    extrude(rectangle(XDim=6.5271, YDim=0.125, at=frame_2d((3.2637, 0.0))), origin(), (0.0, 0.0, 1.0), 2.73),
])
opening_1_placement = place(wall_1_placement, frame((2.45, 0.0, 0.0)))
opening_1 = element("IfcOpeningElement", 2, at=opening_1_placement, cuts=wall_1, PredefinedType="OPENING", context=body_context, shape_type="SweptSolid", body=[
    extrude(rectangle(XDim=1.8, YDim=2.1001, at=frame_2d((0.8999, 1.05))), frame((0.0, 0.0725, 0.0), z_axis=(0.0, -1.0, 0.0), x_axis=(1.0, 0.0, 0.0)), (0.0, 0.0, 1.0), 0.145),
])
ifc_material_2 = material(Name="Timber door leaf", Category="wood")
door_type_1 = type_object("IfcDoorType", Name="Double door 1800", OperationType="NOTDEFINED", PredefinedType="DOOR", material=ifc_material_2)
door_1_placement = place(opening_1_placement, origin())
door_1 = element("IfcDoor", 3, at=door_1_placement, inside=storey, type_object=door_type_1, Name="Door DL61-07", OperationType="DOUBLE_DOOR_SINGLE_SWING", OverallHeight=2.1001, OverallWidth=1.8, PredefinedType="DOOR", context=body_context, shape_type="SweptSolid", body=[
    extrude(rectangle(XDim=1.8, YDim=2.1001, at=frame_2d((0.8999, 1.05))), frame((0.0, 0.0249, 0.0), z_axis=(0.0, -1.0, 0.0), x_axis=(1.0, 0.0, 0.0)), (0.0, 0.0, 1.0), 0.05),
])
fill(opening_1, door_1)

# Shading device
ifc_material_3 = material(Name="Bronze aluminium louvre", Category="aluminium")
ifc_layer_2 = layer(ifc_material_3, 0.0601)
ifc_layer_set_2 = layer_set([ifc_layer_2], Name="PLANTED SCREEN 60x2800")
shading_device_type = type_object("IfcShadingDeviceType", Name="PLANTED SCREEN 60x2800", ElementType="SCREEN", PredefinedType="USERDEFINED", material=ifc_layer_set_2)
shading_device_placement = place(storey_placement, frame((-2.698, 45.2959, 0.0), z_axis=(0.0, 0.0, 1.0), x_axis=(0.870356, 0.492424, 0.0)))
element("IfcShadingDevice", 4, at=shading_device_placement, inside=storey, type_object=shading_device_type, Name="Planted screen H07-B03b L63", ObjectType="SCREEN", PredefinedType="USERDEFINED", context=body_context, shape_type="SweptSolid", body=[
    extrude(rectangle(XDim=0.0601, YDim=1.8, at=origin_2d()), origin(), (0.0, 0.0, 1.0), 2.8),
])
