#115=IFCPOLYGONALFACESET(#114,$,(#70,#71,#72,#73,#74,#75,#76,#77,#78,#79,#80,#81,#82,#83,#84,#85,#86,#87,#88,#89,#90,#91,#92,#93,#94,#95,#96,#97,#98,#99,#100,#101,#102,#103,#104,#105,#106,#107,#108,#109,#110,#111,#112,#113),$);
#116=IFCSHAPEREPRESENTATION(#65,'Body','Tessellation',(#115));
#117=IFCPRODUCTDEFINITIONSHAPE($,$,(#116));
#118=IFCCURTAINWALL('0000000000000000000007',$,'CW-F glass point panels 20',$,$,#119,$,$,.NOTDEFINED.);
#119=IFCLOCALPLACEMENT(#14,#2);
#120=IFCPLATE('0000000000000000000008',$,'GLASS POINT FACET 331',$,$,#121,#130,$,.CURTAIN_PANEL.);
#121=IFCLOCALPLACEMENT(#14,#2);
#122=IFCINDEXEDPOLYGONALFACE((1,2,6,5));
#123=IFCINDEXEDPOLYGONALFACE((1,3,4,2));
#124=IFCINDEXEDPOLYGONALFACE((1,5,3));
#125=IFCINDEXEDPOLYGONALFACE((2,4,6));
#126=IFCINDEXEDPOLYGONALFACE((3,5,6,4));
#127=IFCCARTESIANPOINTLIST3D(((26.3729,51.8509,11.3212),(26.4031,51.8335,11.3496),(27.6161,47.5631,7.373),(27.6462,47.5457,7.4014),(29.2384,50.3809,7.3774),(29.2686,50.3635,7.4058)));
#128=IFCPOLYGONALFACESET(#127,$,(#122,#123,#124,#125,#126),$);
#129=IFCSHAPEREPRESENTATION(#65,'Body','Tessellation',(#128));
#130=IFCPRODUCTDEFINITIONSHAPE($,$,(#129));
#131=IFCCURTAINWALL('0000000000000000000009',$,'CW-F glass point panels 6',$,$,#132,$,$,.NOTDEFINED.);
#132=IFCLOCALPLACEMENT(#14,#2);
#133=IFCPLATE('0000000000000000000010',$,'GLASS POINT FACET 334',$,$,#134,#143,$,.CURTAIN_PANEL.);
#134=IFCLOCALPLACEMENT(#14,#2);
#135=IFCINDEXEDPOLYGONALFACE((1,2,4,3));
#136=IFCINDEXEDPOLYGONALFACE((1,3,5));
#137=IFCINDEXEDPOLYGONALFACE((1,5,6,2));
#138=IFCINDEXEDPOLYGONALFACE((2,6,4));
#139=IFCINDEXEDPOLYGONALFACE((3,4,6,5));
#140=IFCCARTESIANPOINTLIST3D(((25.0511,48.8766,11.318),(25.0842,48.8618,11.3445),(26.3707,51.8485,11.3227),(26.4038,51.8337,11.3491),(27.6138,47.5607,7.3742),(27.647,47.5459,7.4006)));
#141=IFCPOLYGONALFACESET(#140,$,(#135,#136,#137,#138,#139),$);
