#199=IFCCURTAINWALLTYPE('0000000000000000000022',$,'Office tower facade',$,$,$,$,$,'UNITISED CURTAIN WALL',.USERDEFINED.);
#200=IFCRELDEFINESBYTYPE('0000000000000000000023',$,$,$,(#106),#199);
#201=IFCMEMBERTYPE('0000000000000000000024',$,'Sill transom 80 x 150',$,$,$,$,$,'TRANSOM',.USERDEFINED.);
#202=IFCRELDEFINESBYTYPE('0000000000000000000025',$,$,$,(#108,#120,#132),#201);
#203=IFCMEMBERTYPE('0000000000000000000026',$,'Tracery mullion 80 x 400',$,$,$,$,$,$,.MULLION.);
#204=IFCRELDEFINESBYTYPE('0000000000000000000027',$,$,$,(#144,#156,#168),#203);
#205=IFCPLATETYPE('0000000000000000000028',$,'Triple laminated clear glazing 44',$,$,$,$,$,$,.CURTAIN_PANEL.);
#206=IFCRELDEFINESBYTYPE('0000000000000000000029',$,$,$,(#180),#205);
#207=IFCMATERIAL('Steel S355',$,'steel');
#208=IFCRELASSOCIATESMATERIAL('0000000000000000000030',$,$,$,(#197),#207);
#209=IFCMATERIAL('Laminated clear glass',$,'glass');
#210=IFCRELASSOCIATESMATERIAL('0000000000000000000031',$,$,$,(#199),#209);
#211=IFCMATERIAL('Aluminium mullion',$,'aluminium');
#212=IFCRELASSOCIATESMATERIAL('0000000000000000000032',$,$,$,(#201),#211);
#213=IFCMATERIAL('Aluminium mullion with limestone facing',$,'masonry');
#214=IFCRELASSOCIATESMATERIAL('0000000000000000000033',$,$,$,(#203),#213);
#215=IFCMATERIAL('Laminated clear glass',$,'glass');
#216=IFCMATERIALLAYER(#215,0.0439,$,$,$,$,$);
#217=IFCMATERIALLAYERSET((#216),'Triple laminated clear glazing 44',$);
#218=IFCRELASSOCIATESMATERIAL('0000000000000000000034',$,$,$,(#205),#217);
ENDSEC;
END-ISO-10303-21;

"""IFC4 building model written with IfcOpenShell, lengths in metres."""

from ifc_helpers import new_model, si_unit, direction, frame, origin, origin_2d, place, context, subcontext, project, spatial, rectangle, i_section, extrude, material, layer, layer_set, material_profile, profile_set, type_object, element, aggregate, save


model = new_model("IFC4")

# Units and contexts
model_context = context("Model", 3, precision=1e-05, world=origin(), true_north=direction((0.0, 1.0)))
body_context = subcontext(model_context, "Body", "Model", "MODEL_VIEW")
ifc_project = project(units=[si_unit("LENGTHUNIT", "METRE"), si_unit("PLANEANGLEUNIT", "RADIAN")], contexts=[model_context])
--*--
## Required work
Please copy, exactly and with nothing else, the lines above beginning at the line that has "#137=IFCINDEXEDPOLYGONALFACE((1,5,6,2));" and ending with the line that has "#213=IFCMATERIAL('Aluminium mullion with".

## Written response
#137=IFCINDEXEDPOLYGONALFACE((1,5,6,2));
#138=IFCINDEXEDPOLYGONALFACE((2,6,4));
#139=IFCINDEXEDPOLYGONALFACE((3,4,6,5));
#140=IFCCARTESIANPOINTLIST3D(((25.0511,48.8766,11.318),(25.0842,48.8618,11.3445),(26.3707,51.8485,11.3227),(26.4038,51.8337,11.3491),(27.6138,47.5607,7.3742),(27.647,47.5459,7.4006)));
#141=IFCPOLYGONALFACESET(#140,$,(#135,#136,#137,#138,#139),$);
#199=IFCCURTAINWALLTYPE('0000000000000000000022',$,'Office tower facade',$,$,$,$,$,'UNITISED CURTAIN WALL',.USERDEFINED.);
#200=IFCRELDEFINESBYTYPE('0000000000000000000023',$,$,$,(#106),#199);
#201=IFCMEMBERTYPE('0000000000000000000024',$,'Sill transom 80 x 150',$,$,$,$,$,'TRANSOM',.USERDEFINED.);
#202=IFCRELDEFINESBYTYPE('0000000000000000000025',$,$,$,(#108,#120,#132),#201);
#203=IFCMEMBERTYPE('0000000000000000000026',$,'Tracery mullion 80 x 400',$,$,$,$,$,$,.MULLION.);
#204=IFCRELDEFINESBYTYPE('0000000000000000000027',$,$,$,(#144,#156,#168),#203);
#205=IFCPLATETYPE('0000000000000000000028',$,'Triple laminated clear glazing 44',$,$,$,$,$,$,.CURTAIN_PANEL.);
#206=IFCRELDEFINESBYTYPE('0000000000000000000029',$,$,$,(#180),#205);
#207=IFCMATERIAL('Steel S355',$,'steel');
#208=IFCRELASSOCIATESMATERIAL('0000000000000000000030',$,$,$,(#197),#207);
#209=IFCMATERIAL('Laminated clear glass',$,'glass');
#210=IFCRELASSOCIATESMATERIAL('0000000000000000000031',$,$,$,(#199),#209);
#211=IFCMATERIAL('Aluminium mullion',$,'aluminium');
#212=IFCRELASSOCIATESMATERIAL('0000000000000000000032',$,$,$,(#201),#211);
#213=IFCMATERIAL('Aluminium mullion with limestone facing',$,'masonry');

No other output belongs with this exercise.